> _Exercise prompt_: Only one stretch of the data below is wanted: the lines from the one with "#71=IFCINDEXEDPOLYGONALFACE((1,5,6,2));" through the one with "#86=IFCINDEXEDPOLYGONALFACE((29,33,34,30));", repeated exactly.

> _Dataset entries_:
━━━
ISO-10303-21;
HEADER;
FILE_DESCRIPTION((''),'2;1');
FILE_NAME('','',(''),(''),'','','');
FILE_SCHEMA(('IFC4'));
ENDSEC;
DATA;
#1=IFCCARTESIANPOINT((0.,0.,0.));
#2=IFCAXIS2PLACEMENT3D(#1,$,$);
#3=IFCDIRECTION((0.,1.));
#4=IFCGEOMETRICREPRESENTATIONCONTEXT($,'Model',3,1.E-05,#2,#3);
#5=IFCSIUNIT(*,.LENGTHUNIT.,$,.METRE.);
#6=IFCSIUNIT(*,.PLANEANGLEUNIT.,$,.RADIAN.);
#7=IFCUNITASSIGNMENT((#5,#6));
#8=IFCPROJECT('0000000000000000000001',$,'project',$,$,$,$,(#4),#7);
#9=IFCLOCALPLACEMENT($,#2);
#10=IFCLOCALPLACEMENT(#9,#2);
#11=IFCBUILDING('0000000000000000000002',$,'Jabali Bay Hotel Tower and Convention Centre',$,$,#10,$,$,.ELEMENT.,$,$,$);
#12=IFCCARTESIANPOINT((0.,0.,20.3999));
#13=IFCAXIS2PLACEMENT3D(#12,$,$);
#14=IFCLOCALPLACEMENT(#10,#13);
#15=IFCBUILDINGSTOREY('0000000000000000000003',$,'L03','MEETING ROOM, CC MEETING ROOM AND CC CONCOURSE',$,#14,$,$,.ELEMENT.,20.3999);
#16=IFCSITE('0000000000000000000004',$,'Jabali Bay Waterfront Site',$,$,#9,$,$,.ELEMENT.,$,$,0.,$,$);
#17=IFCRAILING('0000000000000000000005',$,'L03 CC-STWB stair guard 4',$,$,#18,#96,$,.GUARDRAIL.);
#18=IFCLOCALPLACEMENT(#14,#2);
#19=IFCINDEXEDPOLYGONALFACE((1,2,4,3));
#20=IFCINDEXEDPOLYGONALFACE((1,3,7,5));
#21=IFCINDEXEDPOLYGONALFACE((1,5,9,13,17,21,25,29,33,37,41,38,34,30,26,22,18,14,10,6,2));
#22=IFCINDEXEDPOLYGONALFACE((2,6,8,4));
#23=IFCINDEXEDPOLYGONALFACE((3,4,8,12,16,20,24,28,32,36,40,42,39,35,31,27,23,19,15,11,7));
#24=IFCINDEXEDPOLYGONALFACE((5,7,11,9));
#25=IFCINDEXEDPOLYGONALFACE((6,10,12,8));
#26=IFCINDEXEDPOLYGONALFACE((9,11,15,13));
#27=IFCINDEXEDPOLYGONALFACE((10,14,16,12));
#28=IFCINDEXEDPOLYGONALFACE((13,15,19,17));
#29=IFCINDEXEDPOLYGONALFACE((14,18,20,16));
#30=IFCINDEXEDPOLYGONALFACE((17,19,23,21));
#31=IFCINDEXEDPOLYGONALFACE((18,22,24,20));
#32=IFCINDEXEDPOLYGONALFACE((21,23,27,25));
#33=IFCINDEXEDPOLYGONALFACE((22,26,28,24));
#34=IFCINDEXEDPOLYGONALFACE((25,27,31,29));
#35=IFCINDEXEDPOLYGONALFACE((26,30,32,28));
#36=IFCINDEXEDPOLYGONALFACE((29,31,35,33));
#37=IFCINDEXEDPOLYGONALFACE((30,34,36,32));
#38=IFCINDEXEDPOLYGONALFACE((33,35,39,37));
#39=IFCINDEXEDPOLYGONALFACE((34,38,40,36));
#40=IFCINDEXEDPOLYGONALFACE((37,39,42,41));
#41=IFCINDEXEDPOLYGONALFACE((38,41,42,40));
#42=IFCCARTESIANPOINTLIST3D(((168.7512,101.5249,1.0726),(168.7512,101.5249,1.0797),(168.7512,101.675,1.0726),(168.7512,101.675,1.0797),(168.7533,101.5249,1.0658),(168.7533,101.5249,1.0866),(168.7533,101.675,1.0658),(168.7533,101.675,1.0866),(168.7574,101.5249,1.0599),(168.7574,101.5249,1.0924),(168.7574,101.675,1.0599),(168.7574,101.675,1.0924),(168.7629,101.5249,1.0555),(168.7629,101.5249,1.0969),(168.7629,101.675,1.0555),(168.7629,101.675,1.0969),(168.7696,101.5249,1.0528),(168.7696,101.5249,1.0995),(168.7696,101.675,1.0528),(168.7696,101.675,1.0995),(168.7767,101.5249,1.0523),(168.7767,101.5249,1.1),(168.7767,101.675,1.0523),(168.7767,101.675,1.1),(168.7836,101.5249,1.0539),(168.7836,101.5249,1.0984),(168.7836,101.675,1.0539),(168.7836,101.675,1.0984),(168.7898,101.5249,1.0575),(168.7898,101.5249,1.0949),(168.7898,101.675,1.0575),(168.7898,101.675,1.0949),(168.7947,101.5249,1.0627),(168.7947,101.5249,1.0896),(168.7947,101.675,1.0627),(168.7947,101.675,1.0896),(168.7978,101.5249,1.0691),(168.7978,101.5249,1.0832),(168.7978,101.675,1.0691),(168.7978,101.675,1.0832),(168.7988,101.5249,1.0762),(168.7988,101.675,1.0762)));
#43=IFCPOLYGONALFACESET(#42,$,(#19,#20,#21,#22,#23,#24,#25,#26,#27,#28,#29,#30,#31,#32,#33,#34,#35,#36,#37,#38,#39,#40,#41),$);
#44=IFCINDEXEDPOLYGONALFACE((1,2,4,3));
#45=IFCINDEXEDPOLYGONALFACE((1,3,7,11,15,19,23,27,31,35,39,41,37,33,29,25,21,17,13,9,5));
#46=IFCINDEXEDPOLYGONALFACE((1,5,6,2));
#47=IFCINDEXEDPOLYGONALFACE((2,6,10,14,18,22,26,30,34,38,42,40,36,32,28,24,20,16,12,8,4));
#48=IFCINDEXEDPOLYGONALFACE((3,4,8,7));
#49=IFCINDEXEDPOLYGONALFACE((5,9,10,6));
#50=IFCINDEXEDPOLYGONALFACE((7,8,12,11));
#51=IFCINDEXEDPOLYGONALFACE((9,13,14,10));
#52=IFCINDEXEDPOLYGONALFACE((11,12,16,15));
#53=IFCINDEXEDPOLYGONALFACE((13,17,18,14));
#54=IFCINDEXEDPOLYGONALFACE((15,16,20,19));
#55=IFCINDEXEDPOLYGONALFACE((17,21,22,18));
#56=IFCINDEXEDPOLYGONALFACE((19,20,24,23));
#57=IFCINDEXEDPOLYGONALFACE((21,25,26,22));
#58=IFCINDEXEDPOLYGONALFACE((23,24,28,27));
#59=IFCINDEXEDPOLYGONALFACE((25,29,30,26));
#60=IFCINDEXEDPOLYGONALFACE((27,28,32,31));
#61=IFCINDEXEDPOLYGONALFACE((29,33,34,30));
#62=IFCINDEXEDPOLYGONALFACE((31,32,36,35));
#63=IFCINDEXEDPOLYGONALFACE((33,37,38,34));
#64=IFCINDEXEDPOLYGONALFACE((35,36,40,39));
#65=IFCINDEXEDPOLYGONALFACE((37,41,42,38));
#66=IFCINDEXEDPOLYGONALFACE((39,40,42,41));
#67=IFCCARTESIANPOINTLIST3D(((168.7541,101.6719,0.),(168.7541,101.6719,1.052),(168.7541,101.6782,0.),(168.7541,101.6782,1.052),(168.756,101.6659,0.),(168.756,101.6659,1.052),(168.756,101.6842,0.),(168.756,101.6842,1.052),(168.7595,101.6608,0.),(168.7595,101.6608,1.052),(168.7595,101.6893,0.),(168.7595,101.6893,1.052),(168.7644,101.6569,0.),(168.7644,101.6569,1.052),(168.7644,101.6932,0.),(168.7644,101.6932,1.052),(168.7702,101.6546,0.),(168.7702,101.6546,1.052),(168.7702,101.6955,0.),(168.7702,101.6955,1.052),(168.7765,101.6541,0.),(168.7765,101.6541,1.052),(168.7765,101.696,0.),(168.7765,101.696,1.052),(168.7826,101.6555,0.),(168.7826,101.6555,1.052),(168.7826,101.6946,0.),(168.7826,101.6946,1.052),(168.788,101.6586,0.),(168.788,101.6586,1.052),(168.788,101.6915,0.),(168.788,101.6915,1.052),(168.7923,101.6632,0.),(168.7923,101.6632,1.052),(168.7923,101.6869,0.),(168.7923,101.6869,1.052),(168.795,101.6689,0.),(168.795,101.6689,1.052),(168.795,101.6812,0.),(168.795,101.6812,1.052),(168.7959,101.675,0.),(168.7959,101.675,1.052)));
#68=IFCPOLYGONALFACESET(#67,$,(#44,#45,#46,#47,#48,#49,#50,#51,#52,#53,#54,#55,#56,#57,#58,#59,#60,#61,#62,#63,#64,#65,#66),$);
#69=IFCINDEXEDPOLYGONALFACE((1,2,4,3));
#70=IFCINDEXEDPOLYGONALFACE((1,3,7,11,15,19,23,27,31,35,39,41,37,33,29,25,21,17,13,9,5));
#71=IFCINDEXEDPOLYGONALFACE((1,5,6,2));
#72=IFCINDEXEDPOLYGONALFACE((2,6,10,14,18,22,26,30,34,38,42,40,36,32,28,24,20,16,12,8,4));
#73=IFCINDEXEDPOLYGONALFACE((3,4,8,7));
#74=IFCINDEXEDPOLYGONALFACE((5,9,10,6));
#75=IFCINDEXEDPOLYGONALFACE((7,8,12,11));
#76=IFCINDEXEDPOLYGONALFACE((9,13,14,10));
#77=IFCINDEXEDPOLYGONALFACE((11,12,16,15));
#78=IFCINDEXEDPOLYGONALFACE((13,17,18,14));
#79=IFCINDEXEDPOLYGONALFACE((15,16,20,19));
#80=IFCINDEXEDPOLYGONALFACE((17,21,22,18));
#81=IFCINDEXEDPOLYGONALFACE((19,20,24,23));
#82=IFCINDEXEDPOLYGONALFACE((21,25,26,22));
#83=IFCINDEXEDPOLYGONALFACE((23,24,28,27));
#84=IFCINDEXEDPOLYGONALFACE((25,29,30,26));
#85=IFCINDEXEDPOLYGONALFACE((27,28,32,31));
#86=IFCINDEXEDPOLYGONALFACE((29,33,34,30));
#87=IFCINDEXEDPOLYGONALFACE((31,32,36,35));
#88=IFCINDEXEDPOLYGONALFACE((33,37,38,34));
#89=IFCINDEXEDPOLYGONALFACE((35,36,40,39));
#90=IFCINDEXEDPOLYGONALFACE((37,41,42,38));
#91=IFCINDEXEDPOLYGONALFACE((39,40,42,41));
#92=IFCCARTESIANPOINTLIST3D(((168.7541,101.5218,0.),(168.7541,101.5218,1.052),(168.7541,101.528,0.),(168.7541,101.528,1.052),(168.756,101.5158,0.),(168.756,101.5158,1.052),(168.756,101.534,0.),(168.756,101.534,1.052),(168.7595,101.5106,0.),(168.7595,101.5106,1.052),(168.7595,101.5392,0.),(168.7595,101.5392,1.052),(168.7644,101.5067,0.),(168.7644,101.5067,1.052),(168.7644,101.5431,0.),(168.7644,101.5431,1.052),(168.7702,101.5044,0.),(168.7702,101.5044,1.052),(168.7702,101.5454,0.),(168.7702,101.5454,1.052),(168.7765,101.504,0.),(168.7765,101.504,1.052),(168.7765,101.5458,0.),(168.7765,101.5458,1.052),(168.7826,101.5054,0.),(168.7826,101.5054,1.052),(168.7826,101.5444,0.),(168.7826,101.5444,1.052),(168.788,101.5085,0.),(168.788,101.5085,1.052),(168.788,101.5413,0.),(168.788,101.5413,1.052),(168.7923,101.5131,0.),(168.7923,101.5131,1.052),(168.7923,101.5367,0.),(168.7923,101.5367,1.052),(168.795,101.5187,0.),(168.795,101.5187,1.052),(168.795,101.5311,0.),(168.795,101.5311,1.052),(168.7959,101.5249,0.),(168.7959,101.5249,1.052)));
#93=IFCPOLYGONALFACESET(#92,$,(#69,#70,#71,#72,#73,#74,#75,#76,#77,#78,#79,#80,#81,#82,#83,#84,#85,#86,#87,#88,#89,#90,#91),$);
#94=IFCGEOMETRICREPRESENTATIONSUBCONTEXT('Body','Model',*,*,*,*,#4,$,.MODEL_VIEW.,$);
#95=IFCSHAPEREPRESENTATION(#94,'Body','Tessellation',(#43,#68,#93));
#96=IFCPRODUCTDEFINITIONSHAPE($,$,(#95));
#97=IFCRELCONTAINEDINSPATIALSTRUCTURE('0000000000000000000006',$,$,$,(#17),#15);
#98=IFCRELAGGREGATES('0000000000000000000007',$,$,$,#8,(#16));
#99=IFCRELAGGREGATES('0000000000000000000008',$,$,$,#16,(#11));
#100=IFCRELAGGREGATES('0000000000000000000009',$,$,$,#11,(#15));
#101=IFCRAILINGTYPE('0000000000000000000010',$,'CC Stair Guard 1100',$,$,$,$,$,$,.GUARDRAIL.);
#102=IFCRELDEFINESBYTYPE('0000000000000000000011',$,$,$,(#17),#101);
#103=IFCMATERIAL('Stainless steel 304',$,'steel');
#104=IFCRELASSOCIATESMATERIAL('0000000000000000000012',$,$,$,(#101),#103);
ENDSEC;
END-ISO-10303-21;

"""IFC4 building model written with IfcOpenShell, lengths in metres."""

from ifc_helpers import new_model, si_unit, direction, frame, origin, origin_2d, place, context, subcontext, project, spatial, circle, extrude, material, type_object, element, save


model = new_model("IFC4")

# Units and contexts
model_context = context("Model", 3, precision=1e-05, world=origin(), true_north=direction((0.0, 1.0)))
body_context = subcontext(model_context, "Body", "Model", "MODEL_VIEW")
ifc_project = project(units=[si_unit("LENGTHUNIT", "METRE"), si_unit("PLANEANGLEUNIT", "RADIAN")], contexts=[model_context])

# Site, building, storey
site_placement = place(None, origin())
site = spatial("IfcSite", under=ifc_project, at=site_placement, Name="Jabali Bay Waterfront Site", CompositionType="ELEMENT", RefElevation=0.0)
building_placement = place(site_placement, origin())
building = spatial("IfcBuilding", under=site, at=building_placement, Name="Jabali Bay Hotel Tower and Convention Centre", CompositionType="ELEMENT")
storey_placement = place(building_placement, frame((0.0, 0.0, 20.3999)))
storey = spatial("IfcBuildingStorey", under=building, at=storey_placement, Name="L03", Description="MEETING ROOM, CC MEETING ROOM AND CC CONCOURSE", CompositionType="ELEMENT", Elevation=20.3999)

# Railing
ifc_material_1 = material(Name="Stainless steel 304", Category="steel")
railing_type_1 = type_object("IfcRailingType", Name="CC Stair Guard 1100", PredefinedType="GUARDRAIL", material=ifc_material_1)
railing_1_placement = place(storey_placement, frame((168.7749, 101.675, 0.0)))
element("IfcRailing", 1, at=railing_1_placement, inside=storey, type_object=railing_type_1, Name="L03 CC-STWB stair guard 4", PredefinedType="GUARDRAIL", context=body_context, shape_type="SweptSolid", body=[
    extrude(circle(Radius=0.0239, at=origin_2d()), frame((0.0, 0.0, 1.0762), z_axis=(0.0, -1.0, 0.0), x_axis=(1.0, 0.0, 0.0)), (0.0, 0.0, 1.0), 0.1501),
    extrude(circle(Radius=0.021, at=origin_2d()), origin(), (0.0, 0.0, 1.0), 1.052),
    extrude(circle(Radius=0.021, at=origin_2d()), frame((0.0, -0.1501, 0.0)), (0.0, 0.0, 1.0), 1.052),
])

save(model, "model.ifc")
━━━
> _Task output_:
#71=IFCINDEXEDPOLYGONALFACE((1,5,6,2));
#72=IFCINDEXEDPOLYGONALFACE((2,6,10,14,18,22,26,30,34,38,42,40,36,32,28,24,20,16,12,8,4));
#73=IFCINDEXEDPOLYGONALFACE((3,4,8,7));
#74=IFCINDEXEDPOLYGONALFACE((5,9,10,6));
#75=IFCINDEXEDPOLYGONALFACE((7,8,12,11));
#76=IFCINDEXEDPOLYGONALFACE((9,13,14,10));
#77=IFCINDEXEDPOLYGONALFACE((11,12,16,15));
#78=IFCINDEXEDPOLYGONALFACE((13,17,18,14));
#79=IFCINDEXEDPOLYGONALFACE((15,16,20,19));
#80=IFCINDEXEDPOLYGONALFACE((17,21,22,18));
#81=IFCINDEXEDPOLYGONALFACE((19,20,24,23));
#82=IFCINDEXEDPOLYGONALFACE((21,25,26,22));
#83=IFCINDEXEDPOLYGONALFACE((23,24,28,27));
#84=IFCINDEXEDPOLYGONALFACE((25,29,30,26));
#85=IFCINDEXEDPOLYGONALFACE((27,28,32,31));
#86=IFCINDEXEDPOLYGONALFACE((29,33,34,30));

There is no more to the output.